- [WHAT YOU SHOULD DO]: Below are the records; give the number of lines in them that include the word "fill", and nothing more.

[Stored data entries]
++++
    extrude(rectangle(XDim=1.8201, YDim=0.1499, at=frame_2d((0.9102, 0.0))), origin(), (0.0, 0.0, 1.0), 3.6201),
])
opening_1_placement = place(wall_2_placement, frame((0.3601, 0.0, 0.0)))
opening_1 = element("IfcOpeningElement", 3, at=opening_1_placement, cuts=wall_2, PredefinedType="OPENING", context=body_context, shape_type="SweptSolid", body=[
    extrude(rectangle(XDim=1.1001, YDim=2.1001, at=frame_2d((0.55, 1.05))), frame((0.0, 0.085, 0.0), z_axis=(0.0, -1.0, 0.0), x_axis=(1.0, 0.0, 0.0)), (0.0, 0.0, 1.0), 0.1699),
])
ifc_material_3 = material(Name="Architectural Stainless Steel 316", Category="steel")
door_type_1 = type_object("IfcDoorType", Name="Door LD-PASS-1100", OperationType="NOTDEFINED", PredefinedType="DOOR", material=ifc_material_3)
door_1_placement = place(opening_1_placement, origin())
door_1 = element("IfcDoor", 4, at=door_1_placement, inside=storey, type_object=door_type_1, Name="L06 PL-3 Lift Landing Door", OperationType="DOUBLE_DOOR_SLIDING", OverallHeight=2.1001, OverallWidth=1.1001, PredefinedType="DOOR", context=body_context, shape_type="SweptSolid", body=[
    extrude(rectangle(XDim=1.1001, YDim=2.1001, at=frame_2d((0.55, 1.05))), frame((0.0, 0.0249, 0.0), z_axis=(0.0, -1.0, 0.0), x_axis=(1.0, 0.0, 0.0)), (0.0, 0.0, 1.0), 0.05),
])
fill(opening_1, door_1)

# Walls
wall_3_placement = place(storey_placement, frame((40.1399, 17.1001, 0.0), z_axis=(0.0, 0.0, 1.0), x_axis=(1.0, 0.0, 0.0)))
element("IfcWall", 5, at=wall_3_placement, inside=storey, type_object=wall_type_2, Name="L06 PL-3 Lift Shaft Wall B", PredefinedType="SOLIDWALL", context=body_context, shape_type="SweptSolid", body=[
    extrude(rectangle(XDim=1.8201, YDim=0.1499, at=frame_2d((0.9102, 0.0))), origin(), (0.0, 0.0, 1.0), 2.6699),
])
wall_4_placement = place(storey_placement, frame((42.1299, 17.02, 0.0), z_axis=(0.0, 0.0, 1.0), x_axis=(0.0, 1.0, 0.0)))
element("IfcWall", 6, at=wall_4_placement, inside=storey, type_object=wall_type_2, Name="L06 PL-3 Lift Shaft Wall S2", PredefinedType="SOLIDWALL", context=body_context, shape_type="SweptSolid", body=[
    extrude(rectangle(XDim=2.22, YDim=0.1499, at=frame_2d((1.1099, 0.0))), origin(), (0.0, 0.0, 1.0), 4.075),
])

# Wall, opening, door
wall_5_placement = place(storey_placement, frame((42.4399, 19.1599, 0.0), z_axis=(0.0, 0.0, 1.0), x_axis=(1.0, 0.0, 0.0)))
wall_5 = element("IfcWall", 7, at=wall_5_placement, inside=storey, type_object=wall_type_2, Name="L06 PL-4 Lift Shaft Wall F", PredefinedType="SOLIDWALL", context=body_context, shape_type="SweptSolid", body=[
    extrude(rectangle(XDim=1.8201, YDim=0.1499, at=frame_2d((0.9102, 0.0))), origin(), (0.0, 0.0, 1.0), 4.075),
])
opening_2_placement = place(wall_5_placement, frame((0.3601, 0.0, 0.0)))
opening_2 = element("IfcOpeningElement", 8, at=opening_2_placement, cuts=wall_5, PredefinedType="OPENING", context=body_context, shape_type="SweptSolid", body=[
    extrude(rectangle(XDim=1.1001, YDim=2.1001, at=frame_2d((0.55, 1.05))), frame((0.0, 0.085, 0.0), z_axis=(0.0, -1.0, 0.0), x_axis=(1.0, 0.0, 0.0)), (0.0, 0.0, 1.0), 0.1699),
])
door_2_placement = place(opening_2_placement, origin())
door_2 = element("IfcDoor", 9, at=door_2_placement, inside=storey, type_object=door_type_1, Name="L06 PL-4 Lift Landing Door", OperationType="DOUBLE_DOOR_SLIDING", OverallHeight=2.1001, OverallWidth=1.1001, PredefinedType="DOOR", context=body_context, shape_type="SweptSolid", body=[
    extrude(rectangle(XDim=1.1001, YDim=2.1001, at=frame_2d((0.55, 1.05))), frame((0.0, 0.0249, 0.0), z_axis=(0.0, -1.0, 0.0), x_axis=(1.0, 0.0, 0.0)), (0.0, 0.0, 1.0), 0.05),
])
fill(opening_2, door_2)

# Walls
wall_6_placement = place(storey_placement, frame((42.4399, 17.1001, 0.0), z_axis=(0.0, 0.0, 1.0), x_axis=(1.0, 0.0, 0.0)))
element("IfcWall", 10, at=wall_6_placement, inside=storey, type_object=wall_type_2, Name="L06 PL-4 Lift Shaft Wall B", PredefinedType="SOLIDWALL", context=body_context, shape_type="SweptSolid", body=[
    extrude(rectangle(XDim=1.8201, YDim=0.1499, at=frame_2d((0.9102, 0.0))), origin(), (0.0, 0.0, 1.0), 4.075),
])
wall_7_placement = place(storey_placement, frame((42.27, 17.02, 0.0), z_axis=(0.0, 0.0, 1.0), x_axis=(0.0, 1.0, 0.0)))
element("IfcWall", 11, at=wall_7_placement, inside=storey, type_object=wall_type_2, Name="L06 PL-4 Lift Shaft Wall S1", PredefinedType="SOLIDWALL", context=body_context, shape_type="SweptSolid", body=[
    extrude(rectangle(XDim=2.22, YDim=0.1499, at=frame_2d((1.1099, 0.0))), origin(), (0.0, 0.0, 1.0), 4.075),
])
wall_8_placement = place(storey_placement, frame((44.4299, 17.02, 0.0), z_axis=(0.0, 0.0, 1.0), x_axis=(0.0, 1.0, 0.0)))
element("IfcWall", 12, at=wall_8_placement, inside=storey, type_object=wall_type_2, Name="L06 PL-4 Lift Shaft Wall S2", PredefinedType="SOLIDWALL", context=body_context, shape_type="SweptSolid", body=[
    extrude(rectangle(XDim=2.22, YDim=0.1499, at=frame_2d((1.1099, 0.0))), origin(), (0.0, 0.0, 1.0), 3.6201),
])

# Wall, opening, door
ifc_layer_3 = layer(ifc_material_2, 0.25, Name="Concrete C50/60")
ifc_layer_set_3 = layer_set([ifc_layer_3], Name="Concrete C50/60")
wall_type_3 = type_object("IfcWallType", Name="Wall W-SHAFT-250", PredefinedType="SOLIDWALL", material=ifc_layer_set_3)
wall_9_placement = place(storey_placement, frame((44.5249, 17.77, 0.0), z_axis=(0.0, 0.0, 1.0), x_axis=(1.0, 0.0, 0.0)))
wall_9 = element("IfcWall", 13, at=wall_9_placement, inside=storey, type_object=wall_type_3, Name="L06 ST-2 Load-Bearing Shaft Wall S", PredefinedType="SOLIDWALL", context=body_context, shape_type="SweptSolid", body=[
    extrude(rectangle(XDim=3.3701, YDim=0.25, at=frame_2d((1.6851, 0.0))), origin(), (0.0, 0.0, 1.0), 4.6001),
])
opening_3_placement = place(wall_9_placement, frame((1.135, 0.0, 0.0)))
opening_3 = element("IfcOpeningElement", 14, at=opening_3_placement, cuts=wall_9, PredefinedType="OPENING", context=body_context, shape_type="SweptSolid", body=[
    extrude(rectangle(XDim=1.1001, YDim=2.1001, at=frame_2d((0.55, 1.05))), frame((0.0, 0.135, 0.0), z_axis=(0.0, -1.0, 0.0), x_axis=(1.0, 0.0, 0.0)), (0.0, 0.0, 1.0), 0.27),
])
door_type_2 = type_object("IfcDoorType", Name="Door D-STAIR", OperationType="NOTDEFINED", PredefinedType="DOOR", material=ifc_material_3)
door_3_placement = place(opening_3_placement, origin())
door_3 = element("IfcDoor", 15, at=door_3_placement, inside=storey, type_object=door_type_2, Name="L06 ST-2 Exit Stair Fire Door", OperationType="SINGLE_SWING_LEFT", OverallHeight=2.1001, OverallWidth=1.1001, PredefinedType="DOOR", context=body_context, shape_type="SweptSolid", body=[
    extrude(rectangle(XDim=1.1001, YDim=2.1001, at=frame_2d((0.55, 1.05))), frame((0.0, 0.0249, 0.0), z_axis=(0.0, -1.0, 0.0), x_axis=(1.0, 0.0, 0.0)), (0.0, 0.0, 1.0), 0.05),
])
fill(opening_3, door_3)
++++
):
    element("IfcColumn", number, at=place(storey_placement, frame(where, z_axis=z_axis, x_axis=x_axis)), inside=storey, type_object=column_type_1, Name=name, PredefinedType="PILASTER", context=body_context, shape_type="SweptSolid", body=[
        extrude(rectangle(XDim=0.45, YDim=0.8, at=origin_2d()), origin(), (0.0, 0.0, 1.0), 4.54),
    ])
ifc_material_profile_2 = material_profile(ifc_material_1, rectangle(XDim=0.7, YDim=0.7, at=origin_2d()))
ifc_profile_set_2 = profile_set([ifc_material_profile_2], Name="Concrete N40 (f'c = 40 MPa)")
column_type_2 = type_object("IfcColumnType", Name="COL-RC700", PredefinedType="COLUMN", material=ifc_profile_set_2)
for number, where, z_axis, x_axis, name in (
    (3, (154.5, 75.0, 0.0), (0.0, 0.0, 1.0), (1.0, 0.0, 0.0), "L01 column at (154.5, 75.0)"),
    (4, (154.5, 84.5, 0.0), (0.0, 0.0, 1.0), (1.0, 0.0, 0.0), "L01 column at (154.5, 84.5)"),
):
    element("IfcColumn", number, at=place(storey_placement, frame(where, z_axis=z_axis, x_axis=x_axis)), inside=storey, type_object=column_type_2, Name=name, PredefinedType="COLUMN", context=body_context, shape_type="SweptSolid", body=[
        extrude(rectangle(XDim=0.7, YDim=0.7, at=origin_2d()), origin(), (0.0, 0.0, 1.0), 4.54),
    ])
++++
- [RESULT FOR THIS TASK]: 3